Only lines holding the word "IFCRELDEFINESBYTYPE" are needed; copy each of them from the material.
★ ★ ★ ★ ★
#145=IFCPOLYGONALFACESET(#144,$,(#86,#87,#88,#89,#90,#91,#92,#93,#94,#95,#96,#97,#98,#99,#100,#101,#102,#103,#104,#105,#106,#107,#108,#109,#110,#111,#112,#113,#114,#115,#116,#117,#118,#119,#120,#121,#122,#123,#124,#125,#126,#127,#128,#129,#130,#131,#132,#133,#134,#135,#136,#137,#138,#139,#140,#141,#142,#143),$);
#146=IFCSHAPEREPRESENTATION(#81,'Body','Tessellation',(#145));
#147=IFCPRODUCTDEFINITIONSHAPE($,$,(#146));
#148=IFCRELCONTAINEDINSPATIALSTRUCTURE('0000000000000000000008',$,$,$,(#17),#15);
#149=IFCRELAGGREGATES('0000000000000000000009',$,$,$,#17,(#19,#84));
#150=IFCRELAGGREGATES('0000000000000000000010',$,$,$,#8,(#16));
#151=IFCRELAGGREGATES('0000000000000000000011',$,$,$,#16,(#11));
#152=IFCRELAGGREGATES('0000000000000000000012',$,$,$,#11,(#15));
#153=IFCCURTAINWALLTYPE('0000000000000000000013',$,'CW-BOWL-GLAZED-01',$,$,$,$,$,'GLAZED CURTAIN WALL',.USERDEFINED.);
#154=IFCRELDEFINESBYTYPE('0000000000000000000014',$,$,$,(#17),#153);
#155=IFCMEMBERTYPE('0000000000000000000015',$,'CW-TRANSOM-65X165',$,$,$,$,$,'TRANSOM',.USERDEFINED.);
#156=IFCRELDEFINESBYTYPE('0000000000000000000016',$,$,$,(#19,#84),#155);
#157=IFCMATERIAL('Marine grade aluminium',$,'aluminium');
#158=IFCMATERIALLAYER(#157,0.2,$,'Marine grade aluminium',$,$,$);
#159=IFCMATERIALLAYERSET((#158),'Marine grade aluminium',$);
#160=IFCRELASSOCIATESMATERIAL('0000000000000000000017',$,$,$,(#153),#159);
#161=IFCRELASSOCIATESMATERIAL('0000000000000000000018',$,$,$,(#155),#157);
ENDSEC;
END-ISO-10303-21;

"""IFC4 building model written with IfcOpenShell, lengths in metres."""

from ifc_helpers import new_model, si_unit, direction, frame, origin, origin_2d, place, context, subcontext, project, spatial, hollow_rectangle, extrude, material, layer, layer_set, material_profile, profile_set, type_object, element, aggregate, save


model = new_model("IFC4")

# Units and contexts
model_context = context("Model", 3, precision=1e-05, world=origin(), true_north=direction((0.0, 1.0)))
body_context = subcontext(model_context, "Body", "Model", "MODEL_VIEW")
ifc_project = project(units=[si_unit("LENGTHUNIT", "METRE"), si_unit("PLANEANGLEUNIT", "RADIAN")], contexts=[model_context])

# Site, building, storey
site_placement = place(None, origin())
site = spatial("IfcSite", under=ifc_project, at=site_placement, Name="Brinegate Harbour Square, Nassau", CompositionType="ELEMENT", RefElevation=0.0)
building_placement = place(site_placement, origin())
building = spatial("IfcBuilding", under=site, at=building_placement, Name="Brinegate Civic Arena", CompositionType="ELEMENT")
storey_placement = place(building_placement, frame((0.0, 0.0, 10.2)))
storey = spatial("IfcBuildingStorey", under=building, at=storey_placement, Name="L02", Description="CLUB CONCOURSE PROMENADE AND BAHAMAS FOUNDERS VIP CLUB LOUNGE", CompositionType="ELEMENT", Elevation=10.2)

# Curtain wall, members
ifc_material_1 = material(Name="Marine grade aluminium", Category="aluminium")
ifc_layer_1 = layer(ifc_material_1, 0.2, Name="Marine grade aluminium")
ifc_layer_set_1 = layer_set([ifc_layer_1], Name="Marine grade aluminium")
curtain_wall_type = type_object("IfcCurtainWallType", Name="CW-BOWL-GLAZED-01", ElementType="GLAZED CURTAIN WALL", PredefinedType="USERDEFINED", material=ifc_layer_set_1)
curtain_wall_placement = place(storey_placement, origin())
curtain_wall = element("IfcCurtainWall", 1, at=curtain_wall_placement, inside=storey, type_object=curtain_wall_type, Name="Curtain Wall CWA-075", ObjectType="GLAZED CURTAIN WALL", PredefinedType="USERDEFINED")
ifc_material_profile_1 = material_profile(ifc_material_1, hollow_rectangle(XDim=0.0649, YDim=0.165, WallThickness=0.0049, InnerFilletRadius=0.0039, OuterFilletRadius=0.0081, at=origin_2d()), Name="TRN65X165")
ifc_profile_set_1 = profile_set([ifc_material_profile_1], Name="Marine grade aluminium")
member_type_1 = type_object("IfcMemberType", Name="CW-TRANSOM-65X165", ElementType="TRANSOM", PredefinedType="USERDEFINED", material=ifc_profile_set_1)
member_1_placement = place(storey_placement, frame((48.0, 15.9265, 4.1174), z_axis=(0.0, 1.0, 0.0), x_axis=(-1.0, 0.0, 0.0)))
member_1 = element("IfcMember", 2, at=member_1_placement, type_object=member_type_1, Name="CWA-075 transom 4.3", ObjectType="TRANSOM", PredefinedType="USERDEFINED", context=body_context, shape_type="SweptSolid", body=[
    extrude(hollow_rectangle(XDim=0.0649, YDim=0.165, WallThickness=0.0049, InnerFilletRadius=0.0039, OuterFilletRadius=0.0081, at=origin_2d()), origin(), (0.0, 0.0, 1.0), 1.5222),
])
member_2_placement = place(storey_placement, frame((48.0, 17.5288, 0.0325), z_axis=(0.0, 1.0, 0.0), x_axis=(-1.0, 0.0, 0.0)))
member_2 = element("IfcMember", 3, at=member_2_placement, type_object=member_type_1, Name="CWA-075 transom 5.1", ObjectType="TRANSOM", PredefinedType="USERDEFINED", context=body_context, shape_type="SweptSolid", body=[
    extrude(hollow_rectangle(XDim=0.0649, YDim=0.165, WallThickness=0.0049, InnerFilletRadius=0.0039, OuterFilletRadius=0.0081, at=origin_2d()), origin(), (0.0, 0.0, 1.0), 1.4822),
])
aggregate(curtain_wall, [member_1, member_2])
★ ★ ★ ★ ★
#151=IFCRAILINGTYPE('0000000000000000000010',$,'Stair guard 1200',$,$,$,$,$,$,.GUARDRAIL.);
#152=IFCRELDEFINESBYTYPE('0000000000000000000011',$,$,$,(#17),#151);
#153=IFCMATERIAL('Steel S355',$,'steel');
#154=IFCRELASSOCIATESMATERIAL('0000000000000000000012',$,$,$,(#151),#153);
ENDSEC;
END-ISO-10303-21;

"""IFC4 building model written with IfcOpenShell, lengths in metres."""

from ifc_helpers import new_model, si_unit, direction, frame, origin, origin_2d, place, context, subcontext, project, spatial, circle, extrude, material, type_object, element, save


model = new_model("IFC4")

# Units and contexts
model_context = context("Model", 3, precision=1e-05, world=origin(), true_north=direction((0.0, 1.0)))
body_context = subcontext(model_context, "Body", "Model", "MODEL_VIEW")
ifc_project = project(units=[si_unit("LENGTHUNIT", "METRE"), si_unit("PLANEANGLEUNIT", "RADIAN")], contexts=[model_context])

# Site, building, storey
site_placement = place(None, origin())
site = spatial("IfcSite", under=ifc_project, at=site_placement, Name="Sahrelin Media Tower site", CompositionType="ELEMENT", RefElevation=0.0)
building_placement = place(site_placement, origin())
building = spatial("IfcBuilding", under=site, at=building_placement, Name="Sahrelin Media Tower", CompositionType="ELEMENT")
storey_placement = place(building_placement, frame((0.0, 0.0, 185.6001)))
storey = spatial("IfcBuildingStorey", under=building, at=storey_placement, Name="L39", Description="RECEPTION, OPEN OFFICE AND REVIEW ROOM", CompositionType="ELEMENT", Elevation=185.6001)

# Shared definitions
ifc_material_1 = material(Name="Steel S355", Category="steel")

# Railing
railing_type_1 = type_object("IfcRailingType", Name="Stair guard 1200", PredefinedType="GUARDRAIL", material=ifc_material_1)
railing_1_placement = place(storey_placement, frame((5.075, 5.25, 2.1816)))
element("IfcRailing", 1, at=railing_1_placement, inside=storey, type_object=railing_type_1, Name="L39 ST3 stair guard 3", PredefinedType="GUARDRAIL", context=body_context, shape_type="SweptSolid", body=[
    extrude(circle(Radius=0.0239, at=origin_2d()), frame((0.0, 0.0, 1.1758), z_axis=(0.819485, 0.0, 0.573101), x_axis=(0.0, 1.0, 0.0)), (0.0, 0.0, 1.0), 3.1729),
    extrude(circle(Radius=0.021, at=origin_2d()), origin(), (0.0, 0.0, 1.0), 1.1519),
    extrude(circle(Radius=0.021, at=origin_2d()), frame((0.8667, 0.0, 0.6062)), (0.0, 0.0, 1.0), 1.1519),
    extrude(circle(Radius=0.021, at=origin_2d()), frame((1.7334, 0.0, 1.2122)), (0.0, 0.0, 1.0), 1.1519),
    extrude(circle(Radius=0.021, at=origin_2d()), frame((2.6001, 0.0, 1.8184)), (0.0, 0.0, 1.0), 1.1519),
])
★ ★ ★ ★ ★
→ Solution
#154=IFCRELDEFINESBYTYPE('0000000000000000000014',$,$,$,(#17),#153);
#156=IFCRELDEFINESBYTYPE('0000000000000000000016',$,$,$,(#19,#84),#155);
#152=IFCRELDEFINESBYTYPE('0000000000000000000011',$,$,$,(#17),#151);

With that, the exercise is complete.